* Instructions to follow
Take the data below and copy exactly the lines starting at the one with "#48=IFCINDEXEDPOLYGONALFACE((3,4,8,7));" and finishing at the one with "#56=IFCINDEXEDPOLYGONALFACE((19,20,24,23));", both included.

* Excerpted records
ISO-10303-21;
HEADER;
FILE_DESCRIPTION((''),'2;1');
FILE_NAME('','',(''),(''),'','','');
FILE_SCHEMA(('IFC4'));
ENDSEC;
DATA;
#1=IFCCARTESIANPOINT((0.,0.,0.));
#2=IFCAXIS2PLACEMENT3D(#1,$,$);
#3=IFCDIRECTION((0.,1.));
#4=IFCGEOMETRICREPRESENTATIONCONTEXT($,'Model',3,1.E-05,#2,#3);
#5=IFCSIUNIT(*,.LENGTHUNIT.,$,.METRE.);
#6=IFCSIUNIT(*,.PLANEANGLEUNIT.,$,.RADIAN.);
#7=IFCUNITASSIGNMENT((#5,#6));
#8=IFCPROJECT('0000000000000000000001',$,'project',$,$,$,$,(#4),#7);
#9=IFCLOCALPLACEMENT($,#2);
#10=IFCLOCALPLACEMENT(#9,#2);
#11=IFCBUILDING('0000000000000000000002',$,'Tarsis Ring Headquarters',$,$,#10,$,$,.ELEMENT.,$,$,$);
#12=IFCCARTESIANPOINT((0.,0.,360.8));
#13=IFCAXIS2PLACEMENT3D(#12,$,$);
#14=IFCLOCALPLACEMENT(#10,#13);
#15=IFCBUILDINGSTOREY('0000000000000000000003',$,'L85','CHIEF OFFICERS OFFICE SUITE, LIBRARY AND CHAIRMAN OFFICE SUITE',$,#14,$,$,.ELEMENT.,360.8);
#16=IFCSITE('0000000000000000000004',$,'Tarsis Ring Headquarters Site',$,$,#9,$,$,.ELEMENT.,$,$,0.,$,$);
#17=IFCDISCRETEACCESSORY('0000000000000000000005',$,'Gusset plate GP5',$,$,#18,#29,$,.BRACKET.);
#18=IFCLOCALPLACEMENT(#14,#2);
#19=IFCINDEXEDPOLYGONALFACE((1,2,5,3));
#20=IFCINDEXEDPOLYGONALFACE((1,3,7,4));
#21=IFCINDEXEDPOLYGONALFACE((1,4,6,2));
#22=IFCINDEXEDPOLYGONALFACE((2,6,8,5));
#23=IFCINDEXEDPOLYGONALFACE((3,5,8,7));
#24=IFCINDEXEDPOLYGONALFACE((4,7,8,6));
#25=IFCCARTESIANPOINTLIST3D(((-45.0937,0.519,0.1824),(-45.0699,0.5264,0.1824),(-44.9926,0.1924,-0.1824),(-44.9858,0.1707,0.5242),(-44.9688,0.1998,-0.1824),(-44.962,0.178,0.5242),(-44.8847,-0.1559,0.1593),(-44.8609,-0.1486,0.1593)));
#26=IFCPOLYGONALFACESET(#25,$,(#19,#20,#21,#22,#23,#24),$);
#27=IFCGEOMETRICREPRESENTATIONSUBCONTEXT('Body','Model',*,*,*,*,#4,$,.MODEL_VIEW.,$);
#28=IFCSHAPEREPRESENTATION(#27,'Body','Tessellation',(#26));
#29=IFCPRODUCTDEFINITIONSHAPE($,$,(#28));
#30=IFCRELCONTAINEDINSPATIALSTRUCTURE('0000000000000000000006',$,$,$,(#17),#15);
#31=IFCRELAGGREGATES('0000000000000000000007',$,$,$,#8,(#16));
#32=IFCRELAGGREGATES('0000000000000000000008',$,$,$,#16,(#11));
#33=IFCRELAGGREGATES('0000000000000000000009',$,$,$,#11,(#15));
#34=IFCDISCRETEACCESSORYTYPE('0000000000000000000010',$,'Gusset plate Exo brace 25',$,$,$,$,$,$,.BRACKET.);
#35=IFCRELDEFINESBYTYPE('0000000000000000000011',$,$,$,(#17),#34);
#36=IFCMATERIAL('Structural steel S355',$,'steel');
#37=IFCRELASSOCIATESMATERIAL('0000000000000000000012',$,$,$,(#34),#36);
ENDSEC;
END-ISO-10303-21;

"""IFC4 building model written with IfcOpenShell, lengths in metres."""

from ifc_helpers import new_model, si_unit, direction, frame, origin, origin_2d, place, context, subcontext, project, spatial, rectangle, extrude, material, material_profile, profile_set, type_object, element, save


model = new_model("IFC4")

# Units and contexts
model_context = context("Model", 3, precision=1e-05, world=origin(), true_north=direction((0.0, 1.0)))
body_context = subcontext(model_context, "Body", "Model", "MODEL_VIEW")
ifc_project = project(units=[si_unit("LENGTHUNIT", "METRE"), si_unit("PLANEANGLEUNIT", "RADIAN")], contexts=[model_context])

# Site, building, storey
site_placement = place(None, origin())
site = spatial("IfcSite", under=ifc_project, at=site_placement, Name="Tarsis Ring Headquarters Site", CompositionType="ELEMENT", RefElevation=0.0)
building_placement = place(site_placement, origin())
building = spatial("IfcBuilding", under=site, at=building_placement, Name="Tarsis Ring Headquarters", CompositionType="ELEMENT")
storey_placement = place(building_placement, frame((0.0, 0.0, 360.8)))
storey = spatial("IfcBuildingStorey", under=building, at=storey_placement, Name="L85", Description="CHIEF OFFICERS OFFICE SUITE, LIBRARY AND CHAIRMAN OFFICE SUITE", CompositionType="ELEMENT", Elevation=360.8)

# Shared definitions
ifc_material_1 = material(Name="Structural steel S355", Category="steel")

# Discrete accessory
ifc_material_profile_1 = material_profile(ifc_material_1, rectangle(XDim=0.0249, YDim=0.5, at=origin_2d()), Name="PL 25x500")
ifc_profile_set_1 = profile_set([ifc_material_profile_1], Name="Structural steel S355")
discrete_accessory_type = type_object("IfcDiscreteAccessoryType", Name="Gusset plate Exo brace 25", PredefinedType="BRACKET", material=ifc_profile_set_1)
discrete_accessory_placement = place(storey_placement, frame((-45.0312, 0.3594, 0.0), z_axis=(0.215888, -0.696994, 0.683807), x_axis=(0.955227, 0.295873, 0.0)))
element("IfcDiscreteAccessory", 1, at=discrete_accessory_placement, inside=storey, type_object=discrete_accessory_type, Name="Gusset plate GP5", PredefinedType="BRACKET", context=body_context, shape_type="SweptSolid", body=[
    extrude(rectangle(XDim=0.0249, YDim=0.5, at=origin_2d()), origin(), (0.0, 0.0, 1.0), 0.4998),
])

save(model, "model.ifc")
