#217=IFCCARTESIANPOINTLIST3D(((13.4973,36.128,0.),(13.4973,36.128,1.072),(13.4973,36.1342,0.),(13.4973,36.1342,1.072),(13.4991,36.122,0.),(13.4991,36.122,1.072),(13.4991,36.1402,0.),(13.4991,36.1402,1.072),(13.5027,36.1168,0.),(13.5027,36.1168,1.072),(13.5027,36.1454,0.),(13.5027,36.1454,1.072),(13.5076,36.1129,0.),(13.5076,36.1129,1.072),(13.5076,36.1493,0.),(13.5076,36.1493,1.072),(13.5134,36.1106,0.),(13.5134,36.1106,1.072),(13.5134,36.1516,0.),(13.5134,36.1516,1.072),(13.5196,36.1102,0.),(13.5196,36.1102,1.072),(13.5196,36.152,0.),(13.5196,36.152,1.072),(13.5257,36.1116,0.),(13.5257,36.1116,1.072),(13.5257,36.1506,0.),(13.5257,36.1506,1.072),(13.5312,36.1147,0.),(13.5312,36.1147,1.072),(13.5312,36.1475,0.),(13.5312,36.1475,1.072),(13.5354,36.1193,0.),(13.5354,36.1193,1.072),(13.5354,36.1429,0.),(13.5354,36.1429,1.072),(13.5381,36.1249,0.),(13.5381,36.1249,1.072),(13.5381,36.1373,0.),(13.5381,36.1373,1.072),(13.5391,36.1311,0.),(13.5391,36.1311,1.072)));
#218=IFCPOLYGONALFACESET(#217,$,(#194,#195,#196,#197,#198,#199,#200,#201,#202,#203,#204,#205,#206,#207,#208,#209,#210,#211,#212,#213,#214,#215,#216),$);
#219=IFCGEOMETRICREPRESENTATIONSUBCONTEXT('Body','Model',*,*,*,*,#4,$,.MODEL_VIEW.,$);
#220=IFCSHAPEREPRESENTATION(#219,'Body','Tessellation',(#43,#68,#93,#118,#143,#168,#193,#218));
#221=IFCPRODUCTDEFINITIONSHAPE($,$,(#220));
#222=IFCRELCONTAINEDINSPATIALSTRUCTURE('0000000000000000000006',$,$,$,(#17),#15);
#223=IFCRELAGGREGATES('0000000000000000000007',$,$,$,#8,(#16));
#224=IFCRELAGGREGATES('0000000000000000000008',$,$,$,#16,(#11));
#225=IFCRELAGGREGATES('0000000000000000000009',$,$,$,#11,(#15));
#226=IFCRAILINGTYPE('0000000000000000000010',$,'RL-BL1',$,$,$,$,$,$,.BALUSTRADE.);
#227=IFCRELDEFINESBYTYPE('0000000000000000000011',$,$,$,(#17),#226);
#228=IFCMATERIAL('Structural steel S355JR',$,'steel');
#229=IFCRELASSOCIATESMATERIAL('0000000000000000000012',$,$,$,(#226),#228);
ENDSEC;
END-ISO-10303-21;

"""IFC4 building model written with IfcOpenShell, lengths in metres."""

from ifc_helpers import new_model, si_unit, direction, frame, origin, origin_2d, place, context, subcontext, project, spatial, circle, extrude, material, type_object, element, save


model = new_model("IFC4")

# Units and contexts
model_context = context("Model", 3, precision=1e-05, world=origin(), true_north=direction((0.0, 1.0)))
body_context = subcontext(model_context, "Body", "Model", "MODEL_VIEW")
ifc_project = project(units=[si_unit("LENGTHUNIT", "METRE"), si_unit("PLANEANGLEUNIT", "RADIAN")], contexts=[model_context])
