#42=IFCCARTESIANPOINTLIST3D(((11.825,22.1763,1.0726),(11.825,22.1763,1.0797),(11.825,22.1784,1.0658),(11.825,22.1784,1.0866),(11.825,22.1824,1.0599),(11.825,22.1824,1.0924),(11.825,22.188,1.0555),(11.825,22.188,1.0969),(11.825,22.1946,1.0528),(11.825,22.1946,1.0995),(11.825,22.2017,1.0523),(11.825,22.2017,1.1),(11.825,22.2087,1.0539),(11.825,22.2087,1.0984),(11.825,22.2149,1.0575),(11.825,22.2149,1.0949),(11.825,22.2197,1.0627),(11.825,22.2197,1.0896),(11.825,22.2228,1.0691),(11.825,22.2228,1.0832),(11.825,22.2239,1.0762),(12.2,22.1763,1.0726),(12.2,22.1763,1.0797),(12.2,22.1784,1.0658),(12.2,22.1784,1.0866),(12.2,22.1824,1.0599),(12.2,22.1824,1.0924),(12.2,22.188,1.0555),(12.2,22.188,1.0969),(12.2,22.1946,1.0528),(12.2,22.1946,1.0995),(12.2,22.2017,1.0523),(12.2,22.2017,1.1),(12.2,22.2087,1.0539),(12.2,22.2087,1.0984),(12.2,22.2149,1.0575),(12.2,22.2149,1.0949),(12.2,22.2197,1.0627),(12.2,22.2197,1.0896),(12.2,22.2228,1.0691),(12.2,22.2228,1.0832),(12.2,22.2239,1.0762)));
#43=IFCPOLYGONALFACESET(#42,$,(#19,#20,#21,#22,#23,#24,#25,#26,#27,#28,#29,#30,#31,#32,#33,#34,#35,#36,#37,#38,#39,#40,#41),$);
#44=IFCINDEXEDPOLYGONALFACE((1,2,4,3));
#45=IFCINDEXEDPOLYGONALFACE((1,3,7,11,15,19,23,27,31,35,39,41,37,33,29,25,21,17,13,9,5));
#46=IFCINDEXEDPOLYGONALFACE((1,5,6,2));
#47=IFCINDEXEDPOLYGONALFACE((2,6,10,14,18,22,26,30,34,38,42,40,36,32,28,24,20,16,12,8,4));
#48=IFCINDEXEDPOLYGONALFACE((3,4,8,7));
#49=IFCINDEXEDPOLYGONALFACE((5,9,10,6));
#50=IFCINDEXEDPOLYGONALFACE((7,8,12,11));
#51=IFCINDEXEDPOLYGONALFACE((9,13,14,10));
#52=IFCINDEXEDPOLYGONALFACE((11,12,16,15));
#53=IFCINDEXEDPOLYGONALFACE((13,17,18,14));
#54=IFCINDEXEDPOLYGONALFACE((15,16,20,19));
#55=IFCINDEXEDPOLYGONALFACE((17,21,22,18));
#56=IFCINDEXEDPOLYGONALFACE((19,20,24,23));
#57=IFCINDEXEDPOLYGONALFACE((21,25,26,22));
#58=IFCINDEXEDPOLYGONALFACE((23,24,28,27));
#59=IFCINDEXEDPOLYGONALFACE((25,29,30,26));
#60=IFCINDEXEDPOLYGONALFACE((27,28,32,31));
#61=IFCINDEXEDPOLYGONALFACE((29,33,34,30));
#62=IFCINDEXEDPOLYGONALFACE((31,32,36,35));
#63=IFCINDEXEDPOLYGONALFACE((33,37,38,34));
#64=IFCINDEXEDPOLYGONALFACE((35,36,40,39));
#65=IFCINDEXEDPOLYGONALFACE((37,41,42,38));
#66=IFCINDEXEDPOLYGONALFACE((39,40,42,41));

* Answer to the exercise
#48=IFCINDEXEDPOLYGONALFACE((3,4,8,7));
#49=IFCINDEXEDPOLYGONALFACE((5,9,10,6));
#50=IFCINDEXEDPOLYGONALFACE((7,8,12,11));
#51=IFCINDEXEDPOLYGONALFACE((9,13,14,10));
#52=IFCINDEXEDPOLYGONALFACE((11,12,16,15));
#53=IFCINDEXEDPOLYGONALFACE((13,17,18,14));
#54=IFCINDEXEDPOLYGONALFACE((15,16,20,19));
#55=IFCINDEXEDPOLYGONALFACE((17,21,22,18));
#56=IFCINDEXEDPOLYGONALFACE((19,20,24,23));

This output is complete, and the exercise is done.